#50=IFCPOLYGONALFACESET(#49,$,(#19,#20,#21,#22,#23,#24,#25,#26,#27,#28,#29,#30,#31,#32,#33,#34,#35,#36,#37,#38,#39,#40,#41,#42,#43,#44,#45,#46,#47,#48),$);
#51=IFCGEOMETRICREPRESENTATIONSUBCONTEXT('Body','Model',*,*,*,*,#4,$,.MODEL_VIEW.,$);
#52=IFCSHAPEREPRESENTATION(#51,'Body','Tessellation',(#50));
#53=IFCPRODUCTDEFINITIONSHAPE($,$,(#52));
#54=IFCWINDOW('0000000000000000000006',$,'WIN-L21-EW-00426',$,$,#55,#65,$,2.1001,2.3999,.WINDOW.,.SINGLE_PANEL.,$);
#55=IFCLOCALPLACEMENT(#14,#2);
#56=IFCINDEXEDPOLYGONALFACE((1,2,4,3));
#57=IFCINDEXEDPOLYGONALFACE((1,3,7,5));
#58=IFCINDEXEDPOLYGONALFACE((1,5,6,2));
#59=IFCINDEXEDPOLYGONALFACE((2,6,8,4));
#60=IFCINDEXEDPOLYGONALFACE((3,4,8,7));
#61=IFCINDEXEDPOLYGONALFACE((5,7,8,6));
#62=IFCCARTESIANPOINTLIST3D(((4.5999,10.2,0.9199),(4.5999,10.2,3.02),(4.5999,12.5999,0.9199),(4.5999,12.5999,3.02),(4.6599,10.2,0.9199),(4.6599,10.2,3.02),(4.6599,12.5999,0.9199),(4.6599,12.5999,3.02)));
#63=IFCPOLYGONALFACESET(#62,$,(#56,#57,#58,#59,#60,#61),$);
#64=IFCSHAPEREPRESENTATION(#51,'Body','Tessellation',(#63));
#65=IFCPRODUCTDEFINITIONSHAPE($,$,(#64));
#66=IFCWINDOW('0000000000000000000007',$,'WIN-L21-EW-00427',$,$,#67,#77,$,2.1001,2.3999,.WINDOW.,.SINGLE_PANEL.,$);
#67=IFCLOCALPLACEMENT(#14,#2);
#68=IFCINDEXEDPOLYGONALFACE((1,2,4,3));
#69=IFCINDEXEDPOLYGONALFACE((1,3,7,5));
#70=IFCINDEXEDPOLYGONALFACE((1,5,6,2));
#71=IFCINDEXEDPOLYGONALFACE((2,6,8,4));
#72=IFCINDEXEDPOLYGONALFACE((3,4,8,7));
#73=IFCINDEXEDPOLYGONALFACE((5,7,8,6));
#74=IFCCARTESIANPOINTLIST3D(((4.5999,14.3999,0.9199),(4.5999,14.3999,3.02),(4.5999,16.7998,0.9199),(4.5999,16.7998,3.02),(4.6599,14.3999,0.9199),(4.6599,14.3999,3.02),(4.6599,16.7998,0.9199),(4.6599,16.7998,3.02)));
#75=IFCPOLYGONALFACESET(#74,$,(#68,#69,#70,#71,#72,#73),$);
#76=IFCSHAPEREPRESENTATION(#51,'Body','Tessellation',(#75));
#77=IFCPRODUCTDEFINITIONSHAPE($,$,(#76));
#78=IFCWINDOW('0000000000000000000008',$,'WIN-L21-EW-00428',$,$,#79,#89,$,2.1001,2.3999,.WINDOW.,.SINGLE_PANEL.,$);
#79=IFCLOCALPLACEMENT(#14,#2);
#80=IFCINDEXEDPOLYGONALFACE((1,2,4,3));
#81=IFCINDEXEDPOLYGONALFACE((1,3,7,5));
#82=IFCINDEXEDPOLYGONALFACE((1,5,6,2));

▸ Exercise objective
The output should be exactly the lines above from the line containing "#72=IFCINDEXEDPOLYGONALFACE((3,4,8,7));" to the line containing "#76=IFCSHAPEREPRESENTATION(#51,'Body','Tessellation',(#75));", inclusive, with no other lines.

▸ Answer below
#72=IFCINDEXEDPOLYGONALFACE((3,4,8,7));
#73=IFCINDEXEDPOLYGONALFACE((5,7,8,6));
#74=IFCCARTESIANPOINTLIST3D(((4.5999,14.3999,0.9199),(4.5999,14.3999,3.02),(4.5999,16.7998,0.9199),(4.5999,16.7998,3.02),(4.6599,14.3999,0.9199),(4.6599,14.3999,3.02),(4.6599,16.7998,0.9199),(4.6599,16.7998,3.02)));
#75=IFCPOLYGONALFACESET(#74,$,(#68,#69,#70,#71,#72,#73),$);
#76=IFCSHAPEREPRESENTATION(#51,'Body','Tessellation',(#75));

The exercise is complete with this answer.